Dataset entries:
+ + + + +
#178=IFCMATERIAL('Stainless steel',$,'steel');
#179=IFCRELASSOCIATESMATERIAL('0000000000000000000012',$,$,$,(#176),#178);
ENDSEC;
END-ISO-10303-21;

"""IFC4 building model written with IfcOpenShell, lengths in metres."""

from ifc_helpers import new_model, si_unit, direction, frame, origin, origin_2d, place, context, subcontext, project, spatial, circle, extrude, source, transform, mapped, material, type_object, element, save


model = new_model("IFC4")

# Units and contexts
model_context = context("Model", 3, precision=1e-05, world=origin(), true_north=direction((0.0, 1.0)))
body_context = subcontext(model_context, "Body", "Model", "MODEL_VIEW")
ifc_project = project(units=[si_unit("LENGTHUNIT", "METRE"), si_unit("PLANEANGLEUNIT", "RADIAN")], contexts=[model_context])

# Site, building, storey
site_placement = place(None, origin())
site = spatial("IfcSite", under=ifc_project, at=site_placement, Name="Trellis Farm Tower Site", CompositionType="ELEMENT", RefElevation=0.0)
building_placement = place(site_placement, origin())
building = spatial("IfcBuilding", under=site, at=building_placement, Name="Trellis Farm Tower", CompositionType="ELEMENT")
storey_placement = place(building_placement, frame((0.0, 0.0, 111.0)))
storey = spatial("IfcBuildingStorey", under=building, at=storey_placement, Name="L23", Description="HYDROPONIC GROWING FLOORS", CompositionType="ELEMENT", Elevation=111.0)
+ + + + +
**Work request:** Word for word, restate only the lines from the one containing "frame((0.0, 0.0, 111.0)))" through the last line of the entries, with both ends kept.

**Solution:**
storey_placement = place(building_placement, frame((0.0, 0.0, 111.0)))
storey = spatial("IfcBuildingStorey", under=building, at=storey_placement, Name="L23", Description="HYDROPONIC GROWING FLOORS", CompositionType="ELEMENT", Elevation=111.0)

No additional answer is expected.